▶ **TASK BRIEF**: Among the entries below, please repeat exactly and only the lines from the line containing "#5=IFCSIUNIT(*,.LENGTHUNIT.,$,.METRE.);" to the line containing "#14=IFCLOCALPLACEMENT(#10,#13);", both lines included.

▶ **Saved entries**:
####
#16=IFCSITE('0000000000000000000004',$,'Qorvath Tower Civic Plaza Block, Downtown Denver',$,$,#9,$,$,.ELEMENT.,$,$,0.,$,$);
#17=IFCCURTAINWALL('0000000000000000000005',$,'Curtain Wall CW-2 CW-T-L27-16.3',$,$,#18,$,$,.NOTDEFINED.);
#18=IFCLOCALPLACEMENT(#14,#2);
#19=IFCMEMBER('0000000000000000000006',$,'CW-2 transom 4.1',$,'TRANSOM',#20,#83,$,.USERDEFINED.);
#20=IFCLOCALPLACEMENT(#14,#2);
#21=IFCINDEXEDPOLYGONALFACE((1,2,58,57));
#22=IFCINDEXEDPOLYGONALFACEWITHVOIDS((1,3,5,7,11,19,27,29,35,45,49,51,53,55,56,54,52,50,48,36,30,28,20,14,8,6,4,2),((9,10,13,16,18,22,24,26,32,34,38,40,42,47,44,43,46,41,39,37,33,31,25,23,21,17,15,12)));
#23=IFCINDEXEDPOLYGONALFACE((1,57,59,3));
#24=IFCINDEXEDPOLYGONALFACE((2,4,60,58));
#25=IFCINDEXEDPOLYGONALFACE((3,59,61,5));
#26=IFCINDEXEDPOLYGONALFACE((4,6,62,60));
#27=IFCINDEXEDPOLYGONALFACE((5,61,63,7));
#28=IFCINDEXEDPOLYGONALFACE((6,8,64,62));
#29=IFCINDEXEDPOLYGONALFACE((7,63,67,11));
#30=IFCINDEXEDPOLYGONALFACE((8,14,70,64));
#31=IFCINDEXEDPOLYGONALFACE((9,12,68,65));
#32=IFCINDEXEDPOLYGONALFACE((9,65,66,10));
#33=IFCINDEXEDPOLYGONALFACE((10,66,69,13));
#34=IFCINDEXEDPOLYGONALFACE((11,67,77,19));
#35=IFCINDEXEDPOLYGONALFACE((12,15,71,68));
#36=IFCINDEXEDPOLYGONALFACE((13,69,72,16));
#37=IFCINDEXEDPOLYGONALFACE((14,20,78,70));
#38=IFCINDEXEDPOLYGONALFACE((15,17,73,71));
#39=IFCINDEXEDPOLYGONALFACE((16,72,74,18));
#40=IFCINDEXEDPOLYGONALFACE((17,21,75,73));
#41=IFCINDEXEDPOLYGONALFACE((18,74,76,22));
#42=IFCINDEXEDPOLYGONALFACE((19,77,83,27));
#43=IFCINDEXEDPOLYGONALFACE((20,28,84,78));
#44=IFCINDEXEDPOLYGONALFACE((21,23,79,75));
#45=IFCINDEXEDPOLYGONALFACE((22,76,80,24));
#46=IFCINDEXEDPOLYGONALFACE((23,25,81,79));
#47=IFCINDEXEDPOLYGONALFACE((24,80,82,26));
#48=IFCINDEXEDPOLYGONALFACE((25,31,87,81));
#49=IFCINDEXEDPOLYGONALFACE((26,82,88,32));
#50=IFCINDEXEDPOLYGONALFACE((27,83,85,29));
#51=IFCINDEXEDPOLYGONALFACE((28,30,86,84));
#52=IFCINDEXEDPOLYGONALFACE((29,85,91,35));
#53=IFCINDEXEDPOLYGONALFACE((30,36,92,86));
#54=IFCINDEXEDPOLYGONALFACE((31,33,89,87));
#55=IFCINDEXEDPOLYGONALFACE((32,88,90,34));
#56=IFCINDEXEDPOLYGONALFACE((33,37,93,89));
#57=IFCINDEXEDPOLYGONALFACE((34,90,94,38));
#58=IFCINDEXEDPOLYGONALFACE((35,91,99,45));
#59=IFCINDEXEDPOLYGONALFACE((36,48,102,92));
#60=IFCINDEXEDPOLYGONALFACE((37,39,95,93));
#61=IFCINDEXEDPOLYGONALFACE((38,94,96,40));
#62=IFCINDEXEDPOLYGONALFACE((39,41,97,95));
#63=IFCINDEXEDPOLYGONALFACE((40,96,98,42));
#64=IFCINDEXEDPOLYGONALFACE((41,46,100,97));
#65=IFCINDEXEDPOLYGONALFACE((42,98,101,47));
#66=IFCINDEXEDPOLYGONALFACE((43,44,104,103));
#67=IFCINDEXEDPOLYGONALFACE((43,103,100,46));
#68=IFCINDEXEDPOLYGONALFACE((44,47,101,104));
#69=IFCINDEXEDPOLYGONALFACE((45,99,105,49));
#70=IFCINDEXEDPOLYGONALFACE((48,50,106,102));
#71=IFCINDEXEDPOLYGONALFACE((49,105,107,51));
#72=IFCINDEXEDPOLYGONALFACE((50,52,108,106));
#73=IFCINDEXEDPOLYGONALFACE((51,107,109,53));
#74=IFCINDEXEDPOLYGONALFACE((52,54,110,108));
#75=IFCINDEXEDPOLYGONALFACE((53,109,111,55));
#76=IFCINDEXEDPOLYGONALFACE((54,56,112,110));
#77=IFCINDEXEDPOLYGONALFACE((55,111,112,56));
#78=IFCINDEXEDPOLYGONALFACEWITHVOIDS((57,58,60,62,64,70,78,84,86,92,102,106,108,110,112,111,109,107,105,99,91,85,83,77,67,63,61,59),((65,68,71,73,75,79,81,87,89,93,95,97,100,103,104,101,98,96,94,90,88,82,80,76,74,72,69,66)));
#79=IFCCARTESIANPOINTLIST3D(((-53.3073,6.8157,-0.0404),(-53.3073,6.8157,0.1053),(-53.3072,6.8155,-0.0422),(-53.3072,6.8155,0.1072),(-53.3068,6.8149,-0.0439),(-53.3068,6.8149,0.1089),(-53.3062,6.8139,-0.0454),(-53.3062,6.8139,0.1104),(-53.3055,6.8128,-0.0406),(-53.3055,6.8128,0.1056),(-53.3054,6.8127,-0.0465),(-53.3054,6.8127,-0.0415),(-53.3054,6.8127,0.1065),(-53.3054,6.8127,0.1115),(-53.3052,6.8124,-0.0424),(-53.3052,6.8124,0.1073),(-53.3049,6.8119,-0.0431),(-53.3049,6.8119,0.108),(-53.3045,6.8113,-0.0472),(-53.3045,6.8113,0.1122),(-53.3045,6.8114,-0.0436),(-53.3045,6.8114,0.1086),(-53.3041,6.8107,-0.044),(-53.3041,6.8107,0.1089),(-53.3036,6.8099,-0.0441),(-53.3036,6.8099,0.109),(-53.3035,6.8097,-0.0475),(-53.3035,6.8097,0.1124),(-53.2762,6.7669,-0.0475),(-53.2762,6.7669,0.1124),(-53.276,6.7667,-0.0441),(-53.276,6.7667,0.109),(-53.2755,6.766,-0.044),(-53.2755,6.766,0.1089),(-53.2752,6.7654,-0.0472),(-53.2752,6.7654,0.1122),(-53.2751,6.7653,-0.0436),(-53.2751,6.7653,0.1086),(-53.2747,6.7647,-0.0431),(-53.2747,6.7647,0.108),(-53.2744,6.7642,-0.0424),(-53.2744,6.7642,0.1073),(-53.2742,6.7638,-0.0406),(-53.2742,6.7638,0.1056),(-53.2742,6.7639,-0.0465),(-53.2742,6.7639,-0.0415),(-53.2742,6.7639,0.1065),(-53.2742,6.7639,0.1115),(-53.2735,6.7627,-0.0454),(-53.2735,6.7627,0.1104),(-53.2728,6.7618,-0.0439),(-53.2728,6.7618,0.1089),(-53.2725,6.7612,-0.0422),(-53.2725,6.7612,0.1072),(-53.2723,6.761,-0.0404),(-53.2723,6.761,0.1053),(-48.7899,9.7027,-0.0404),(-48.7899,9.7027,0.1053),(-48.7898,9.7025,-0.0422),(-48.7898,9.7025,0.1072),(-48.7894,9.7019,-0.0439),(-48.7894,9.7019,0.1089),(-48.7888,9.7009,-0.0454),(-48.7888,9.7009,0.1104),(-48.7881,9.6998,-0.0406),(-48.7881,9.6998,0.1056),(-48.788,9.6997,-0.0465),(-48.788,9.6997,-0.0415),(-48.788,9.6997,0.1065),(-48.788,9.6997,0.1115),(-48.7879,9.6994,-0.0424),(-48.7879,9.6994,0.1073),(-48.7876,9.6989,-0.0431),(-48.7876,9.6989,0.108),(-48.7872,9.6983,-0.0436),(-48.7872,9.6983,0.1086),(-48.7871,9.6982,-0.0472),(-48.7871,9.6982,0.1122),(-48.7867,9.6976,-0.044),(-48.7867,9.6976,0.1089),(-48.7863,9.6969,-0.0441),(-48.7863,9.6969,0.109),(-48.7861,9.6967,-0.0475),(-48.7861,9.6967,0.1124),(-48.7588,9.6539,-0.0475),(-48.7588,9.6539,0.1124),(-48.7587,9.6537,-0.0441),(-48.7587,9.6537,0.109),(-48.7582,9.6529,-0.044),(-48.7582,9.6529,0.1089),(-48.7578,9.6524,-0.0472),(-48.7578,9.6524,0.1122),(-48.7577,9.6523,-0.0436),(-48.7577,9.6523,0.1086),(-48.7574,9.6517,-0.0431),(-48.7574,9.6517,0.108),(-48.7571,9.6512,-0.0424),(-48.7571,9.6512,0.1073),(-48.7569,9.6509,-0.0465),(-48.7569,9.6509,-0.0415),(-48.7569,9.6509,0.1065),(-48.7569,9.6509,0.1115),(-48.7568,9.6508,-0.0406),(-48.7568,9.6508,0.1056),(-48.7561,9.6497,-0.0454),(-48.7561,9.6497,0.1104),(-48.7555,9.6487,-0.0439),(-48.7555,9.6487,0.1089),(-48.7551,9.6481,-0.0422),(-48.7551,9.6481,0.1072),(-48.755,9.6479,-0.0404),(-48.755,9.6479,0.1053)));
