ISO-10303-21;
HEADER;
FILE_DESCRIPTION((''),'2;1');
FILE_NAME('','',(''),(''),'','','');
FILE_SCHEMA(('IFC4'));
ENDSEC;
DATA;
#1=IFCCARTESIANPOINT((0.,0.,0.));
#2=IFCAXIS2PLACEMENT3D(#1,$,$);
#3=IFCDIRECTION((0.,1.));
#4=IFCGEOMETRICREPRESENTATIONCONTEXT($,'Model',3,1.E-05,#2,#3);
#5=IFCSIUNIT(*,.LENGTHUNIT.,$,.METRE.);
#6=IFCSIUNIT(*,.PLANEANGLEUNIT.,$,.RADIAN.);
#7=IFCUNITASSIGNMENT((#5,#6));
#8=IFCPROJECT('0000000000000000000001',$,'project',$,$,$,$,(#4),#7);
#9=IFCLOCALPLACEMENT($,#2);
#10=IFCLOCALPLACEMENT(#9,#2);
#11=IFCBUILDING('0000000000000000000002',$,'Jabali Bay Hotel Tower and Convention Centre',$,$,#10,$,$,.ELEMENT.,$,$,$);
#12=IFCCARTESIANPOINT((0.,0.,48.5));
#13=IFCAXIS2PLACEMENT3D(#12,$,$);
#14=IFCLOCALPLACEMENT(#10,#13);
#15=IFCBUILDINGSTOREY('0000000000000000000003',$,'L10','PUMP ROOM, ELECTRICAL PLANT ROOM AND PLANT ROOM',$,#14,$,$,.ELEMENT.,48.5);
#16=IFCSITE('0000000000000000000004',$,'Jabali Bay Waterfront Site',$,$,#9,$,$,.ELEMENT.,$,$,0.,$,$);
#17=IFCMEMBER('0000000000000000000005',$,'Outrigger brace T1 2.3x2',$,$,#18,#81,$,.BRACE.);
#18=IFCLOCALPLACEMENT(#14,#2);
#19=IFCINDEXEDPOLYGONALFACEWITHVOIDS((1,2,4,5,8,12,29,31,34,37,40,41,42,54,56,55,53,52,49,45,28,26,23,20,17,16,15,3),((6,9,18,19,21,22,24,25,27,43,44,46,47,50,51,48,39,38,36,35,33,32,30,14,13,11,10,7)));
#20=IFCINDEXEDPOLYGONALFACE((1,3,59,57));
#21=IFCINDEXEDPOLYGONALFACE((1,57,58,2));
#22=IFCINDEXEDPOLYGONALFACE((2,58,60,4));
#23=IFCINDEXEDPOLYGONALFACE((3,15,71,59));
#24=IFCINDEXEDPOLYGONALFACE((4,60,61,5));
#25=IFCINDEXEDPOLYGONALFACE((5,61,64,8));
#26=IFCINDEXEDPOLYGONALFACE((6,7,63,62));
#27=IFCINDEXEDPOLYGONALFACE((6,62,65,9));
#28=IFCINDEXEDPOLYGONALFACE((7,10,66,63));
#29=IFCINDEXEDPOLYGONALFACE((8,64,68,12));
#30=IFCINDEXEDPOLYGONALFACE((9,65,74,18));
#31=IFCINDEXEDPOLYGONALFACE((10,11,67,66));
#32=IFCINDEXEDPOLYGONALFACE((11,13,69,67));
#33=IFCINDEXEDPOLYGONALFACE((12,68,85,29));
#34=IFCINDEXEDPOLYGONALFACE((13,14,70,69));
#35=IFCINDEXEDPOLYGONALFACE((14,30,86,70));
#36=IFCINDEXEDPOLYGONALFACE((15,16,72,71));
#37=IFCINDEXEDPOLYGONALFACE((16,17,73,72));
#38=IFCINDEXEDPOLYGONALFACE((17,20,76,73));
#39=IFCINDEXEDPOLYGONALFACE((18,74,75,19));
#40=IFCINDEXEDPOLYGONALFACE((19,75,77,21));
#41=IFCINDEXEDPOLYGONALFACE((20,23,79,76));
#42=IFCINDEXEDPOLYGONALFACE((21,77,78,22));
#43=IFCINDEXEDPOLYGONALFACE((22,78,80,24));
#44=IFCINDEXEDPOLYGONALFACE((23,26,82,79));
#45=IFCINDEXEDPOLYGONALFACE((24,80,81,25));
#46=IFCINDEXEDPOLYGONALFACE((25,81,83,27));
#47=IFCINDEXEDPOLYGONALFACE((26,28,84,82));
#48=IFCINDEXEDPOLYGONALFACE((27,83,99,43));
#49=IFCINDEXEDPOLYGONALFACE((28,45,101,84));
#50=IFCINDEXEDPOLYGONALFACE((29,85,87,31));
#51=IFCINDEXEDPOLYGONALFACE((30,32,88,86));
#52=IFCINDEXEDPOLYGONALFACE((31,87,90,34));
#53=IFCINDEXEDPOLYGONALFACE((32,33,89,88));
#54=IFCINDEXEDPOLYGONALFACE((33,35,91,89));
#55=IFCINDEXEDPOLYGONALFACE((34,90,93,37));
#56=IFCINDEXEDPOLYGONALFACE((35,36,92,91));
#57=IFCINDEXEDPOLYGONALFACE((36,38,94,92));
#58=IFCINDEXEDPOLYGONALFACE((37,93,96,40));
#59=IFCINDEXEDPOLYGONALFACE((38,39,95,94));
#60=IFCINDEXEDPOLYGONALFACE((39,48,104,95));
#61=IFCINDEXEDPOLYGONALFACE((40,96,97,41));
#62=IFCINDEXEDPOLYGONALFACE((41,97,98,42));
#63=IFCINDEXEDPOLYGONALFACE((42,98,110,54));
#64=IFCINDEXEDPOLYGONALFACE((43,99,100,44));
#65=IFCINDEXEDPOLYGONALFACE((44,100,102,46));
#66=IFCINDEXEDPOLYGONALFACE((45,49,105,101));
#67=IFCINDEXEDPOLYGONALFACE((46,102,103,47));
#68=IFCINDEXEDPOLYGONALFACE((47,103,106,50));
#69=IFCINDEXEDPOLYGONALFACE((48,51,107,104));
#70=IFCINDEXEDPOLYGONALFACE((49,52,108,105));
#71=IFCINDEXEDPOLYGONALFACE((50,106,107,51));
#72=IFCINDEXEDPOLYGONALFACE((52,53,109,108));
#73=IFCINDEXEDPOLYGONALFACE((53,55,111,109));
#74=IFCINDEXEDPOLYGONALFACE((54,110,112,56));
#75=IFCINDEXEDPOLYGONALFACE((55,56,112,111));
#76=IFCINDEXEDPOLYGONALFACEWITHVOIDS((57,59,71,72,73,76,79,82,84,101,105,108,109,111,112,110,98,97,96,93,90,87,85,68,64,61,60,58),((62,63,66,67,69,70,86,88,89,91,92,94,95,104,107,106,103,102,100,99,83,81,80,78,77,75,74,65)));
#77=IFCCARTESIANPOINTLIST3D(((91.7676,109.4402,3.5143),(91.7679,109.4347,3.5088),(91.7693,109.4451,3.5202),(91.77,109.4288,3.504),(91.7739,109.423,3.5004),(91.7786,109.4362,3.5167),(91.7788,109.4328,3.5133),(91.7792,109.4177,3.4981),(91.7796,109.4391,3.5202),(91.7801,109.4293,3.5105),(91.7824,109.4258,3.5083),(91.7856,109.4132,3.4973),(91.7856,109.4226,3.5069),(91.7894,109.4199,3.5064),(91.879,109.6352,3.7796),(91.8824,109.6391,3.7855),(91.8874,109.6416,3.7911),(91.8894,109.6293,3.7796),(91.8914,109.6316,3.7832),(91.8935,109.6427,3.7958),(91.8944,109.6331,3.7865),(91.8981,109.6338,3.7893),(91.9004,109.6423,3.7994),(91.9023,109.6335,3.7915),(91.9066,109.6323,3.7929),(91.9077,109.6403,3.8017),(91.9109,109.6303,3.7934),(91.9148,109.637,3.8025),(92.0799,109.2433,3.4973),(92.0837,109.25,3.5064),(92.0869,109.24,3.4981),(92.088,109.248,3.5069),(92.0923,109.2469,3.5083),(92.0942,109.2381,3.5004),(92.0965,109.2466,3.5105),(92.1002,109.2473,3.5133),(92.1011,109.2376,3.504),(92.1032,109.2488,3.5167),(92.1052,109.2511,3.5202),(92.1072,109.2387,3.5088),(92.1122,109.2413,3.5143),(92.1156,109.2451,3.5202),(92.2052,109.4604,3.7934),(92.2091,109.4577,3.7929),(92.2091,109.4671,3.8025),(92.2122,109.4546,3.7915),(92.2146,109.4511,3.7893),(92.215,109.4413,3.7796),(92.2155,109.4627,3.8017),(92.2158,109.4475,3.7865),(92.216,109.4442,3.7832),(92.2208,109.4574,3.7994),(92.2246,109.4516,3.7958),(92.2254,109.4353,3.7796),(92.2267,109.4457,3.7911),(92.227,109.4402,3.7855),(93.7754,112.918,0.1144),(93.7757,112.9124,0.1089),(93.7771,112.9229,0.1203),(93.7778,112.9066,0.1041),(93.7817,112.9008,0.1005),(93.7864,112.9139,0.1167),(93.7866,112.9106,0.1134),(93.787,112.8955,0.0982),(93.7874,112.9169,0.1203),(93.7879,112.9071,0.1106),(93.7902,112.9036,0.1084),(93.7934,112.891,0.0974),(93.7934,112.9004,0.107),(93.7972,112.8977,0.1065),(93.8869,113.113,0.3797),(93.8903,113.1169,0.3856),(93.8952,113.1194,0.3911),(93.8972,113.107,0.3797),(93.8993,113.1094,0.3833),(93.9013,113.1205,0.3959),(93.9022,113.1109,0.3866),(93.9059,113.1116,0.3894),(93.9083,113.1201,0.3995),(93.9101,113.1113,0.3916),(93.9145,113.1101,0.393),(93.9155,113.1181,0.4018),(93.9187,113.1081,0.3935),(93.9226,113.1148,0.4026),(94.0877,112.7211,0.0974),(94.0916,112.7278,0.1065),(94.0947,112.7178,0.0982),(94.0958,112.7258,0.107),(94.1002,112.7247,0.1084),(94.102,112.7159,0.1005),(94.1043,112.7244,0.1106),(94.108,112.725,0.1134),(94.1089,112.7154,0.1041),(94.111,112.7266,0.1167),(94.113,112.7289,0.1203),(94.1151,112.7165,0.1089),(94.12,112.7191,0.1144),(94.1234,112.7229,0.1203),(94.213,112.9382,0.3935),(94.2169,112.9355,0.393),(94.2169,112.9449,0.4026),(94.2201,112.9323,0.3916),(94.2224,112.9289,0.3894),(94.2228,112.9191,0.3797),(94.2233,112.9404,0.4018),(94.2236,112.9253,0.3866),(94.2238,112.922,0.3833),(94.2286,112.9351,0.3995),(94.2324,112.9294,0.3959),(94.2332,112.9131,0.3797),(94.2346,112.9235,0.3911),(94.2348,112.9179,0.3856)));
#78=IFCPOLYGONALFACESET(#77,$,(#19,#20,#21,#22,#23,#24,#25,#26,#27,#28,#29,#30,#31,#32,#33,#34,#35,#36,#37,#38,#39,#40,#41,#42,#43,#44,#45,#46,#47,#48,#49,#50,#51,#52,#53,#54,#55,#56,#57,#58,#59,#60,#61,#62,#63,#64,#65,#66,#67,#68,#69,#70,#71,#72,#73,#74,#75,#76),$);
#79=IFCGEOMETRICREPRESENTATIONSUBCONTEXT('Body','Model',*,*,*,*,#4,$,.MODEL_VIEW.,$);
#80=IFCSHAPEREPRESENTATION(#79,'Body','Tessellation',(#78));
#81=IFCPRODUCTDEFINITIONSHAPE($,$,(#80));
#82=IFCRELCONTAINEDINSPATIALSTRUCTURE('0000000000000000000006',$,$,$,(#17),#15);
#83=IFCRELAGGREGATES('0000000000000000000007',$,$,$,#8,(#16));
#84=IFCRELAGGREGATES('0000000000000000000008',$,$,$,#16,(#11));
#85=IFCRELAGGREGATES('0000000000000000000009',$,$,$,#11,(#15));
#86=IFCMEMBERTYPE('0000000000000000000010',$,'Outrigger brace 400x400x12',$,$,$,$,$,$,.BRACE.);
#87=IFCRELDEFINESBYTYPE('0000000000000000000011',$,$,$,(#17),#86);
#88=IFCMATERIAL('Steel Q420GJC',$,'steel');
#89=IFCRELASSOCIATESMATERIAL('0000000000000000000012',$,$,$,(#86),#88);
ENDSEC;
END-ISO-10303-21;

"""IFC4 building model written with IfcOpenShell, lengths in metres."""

from ifc_helpers import new_model, si_unit, direction, frame, origin, origin_2d, place, context, subcontext, project, spatial, hollow_rectangle, extrude, material, material_profile, profile_set, type_object, element, save


model = new_model("IFC4")

# Units and contexts
model_context = context("Model", 3, precision=1e-05, world=origin(), true_north=direction((0.0, 1.0)))
body_context = subcontext(model_context, "Body", "Model", "MODEL_VIEW")
ifc_project = project(units=[si_unit("LENGTHUNIT", "METRE"), si_unit("PLANEANGLEUNIT", "RADIAN")], contexts=[model_context])

# Site, building, storey
site_placement = place(None, origin())
site = spatial("IfcSite", under=ifc_project, at=site_placement, Name="Jabali Bay Waterfront Site", CompositionType="ELEMENT", RefElevation=0.0)
building_placement = place(site_placement, origin())
building = spatial("IfcBuilding", under=site, at=building_placement, Name="Jabali Bay Hotel Tower and Convention Centre", CompositionType="ELEMENT")
storey_placement = place(building_placement, frame((0.0, 0.0, 48.5)))
storey = spatial("IfcBuildingStorey", under=building, at=storey_placement, Name="L10", Description="PUMP ROOM, ELECTRICAL PLANT ROOM AND PLANT ROOM", CompositionType="ELEMENT", Elevation=48.5)

# Member
ifc_material_1 = material(Name="Steel Q420GJC", Category="steel")
ifc_material_profile_1 = material_profile(ifc_material_1, hollow_rectangle(XDim=0.3999, YDim=0.3999, WallThickness=0.012, InnerFilletRadius=0.0181, OuterFilletRadius=0.03, at=origin_2d()), Name="Outrigger brace 400x400x12")
ifc_profile_set_1 = profile_set([ifc_material_profile_1], Name="Steel Q420GJC")
member_type_1 = type_object("IfcMemberType", Name="Outrigger brace 400x400x12", PredefinedType="BRACE", material=ifc_profile_set_1)
member_1_placement = place(storey_placement, frame((94.0051, 112.918, 0.25), z_axis=(-0.381589, -0.66096, 0.646159), x_axis=(0.866035, -0.499984, 0.0)))
element("IfcMember", 1, at=member_1_placement, inside=storey, type_object=member_type_1, Name="Outrigger brace T1 2.3x2", PredefinedType="BRACE", context=body_context, shape_type="SweptSolid", body=[
    extrude(hollow_rectangle(XDim=0.3999, YDim=0.3999, WallThickness=0.012, InnerFilletRadius=0.0181, OuterFilletRadius=0.03, at=origin_2d()), origin(), (0.0, 0.0, 1.0), 5.2617),
])

save(model, "model.ifc")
####
▶ **WRITTEN SOLUTION**:
#5=IFCSIUNIT(*,.LENGTHUNIT.,$,.METRE.);
#6=IFCSIUNIT(*,.PLANEANGLEUNIT.,$,.RADIAN.);
#7=IFCUNITASSIGNMENT((#5,#6));
#8=IFCPROJECT('0000000000000000000001',$,'project',$,$,$,$,(#4),#7);
#9=IFCLOCALPLACEMENT($,#2);
#10=IFCLOCALPLACEMENT(#9,#2);
#11=IFCBUILDING('0000000000000000000002',$,'Jabali Bay Hotel Tower and Convention Centre',$,$,#10,$,$,.ELEMENT.,$,$,$);
#12=IFCCARTESIANPOINT((0.,0.,48.5));
#13=IFCAXIS2PLACEMENT3D(#12,$,$);
#14=IFCLOCALPLACEMENT(#10,#13);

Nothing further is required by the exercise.